» **YOUR GOAL**
Give back a single number: the count of lines in the data that contain the string "PILASTER".

####

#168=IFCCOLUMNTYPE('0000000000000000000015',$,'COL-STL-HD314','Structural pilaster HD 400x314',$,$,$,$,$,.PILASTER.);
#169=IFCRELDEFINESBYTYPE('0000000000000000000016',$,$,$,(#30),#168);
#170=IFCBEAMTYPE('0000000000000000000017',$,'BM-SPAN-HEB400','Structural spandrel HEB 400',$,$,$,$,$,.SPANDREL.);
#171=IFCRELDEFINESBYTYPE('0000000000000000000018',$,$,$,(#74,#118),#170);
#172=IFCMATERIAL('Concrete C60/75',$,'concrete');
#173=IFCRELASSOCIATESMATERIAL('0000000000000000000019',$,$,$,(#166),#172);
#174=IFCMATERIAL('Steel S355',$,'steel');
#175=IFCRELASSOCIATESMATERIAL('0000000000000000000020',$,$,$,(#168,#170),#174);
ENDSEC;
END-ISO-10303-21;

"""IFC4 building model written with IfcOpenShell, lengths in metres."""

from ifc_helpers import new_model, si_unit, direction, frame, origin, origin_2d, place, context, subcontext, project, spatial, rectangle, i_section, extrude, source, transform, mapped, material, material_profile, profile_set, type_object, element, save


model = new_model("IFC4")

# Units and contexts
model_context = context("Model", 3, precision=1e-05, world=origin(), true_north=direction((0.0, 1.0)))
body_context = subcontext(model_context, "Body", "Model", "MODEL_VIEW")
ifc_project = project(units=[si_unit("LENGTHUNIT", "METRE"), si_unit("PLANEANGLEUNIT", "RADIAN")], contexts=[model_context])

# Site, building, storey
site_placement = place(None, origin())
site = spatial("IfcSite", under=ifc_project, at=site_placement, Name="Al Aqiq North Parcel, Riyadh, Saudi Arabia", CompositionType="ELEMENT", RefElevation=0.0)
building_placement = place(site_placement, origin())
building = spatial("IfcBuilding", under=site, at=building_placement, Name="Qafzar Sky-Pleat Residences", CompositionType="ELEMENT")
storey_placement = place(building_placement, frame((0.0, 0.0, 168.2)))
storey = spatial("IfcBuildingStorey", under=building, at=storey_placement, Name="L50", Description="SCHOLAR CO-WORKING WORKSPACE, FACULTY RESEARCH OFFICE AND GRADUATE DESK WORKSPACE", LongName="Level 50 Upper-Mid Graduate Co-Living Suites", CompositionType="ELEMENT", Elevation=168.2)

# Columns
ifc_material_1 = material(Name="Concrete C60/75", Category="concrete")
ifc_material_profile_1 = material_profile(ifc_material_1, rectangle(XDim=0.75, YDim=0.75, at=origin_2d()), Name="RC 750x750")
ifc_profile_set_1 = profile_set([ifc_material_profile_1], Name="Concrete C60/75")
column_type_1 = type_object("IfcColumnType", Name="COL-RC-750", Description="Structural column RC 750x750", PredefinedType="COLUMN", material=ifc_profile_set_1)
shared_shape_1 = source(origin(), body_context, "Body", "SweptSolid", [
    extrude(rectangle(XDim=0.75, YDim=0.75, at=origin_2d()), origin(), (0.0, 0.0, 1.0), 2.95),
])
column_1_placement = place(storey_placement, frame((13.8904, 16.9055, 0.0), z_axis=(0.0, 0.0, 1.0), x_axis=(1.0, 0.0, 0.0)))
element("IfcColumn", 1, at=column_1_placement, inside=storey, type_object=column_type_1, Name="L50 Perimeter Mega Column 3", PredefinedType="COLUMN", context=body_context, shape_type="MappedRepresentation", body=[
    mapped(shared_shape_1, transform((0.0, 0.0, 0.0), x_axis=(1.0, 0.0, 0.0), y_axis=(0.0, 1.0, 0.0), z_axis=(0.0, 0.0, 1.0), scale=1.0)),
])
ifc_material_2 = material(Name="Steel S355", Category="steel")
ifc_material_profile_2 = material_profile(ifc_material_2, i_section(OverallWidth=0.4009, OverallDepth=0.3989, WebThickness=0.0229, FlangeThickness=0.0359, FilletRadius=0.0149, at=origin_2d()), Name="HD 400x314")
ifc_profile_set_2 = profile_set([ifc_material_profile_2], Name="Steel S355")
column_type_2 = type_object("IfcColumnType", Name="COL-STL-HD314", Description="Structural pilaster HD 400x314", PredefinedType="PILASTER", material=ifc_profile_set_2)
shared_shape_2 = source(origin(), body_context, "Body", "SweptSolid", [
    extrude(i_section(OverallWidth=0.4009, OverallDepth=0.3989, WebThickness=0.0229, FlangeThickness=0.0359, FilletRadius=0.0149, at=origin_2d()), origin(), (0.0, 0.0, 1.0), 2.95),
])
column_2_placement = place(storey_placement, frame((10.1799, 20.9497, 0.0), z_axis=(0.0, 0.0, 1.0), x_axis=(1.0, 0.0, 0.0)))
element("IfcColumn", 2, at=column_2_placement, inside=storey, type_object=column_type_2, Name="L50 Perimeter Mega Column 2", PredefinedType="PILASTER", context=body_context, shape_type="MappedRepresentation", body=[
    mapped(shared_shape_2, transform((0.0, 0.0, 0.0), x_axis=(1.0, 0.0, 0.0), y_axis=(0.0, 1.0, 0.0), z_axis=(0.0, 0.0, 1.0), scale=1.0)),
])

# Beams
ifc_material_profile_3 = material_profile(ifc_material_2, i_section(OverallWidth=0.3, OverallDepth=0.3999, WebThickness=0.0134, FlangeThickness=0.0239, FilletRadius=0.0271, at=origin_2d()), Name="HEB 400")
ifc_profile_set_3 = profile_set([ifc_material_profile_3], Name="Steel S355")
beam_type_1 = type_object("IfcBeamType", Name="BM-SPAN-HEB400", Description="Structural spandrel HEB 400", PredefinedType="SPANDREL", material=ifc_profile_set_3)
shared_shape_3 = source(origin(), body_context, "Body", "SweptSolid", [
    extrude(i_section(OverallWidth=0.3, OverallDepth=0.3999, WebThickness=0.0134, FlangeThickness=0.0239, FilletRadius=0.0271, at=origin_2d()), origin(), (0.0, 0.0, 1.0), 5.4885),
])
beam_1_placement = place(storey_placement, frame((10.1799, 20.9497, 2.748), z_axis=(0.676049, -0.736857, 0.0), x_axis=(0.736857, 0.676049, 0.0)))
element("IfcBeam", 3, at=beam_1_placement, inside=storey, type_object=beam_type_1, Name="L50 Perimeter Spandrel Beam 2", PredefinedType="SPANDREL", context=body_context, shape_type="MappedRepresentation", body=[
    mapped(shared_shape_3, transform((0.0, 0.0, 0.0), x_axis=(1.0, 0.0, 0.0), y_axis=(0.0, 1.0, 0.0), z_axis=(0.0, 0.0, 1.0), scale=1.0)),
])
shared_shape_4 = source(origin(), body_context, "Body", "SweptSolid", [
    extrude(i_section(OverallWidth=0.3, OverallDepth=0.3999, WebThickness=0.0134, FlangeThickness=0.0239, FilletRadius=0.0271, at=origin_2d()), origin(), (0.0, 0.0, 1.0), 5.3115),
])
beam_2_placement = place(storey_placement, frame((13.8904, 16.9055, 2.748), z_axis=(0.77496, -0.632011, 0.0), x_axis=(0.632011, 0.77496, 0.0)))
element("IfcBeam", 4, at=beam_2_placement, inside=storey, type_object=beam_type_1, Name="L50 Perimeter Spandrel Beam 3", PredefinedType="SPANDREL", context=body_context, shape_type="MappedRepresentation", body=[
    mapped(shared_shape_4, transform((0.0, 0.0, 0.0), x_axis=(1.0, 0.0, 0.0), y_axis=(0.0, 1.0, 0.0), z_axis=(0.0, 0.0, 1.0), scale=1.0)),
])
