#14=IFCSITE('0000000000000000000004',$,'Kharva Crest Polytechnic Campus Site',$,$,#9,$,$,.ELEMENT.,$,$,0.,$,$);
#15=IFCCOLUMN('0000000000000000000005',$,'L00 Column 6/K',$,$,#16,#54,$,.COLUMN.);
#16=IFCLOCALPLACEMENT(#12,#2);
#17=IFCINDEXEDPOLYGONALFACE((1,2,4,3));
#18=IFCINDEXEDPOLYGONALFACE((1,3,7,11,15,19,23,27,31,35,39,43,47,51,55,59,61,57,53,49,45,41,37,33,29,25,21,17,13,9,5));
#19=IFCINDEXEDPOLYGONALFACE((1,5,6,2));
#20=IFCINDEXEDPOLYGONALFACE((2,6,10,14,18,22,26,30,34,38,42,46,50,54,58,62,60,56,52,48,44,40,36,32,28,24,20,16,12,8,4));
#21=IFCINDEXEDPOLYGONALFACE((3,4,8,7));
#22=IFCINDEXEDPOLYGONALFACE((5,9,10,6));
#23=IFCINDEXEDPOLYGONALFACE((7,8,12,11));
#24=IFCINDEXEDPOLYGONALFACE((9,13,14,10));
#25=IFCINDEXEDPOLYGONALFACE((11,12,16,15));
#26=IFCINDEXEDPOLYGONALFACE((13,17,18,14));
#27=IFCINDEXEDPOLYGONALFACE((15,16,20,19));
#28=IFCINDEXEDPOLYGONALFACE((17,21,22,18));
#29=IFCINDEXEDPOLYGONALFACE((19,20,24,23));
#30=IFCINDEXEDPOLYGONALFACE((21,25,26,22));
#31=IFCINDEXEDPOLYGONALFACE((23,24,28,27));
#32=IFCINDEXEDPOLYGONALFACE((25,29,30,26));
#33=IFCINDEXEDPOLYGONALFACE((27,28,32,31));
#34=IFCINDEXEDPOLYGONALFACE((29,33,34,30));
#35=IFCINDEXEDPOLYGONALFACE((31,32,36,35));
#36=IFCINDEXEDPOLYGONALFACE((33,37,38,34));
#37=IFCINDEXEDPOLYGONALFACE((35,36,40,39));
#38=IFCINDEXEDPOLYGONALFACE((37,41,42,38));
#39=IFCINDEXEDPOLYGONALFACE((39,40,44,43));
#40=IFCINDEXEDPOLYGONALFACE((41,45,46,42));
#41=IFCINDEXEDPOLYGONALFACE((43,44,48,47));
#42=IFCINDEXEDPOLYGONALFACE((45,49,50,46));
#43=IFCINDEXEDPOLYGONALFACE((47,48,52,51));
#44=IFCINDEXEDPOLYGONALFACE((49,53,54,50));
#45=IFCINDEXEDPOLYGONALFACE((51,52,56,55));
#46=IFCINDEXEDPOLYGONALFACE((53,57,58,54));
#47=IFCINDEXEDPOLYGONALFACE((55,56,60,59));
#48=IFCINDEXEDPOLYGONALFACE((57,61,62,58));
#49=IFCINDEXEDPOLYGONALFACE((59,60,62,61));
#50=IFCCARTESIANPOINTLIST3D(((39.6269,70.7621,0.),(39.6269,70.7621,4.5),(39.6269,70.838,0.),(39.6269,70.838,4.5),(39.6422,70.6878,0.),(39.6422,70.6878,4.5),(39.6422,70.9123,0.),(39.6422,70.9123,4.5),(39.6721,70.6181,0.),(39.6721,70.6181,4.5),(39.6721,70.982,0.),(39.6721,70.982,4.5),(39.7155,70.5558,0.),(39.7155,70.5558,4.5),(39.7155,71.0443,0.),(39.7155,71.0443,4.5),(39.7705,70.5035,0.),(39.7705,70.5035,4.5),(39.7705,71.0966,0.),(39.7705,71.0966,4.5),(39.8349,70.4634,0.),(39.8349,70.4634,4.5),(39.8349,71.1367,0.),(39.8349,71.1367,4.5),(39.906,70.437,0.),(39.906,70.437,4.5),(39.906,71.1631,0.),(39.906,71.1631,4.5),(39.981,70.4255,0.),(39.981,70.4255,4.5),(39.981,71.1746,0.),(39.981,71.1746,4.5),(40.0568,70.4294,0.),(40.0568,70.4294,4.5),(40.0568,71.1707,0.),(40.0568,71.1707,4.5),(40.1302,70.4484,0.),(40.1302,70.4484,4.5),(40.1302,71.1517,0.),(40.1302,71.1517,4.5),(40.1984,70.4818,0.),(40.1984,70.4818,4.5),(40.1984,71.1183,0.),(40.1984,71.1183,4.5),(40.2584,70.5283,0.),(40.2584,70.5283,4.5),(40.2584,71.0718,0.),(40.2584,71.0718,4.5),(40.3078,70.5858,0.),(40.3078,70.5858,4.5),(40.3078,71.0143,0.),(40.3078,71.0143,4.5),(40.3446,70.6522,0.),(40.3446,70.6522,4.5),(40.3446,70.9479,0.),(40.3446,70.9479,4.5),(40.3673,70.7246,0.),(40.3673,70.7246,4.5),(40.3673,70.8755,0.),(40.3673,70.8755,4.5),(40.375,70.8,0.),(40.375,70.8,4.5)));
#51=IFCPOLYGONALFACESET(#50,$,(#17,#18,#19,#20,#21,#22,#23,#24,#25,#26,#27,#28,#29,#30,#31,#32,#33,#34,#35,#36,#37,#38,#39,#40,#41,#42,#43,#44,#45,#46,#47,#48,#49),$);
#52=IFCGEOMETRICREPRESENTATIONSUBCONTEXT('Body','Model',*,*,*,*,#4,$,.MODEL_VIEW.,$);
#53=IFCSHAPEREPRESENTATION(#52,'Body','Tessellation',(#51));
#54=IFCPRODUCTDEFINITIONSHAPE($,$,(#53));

####

» **RESPONSE**
3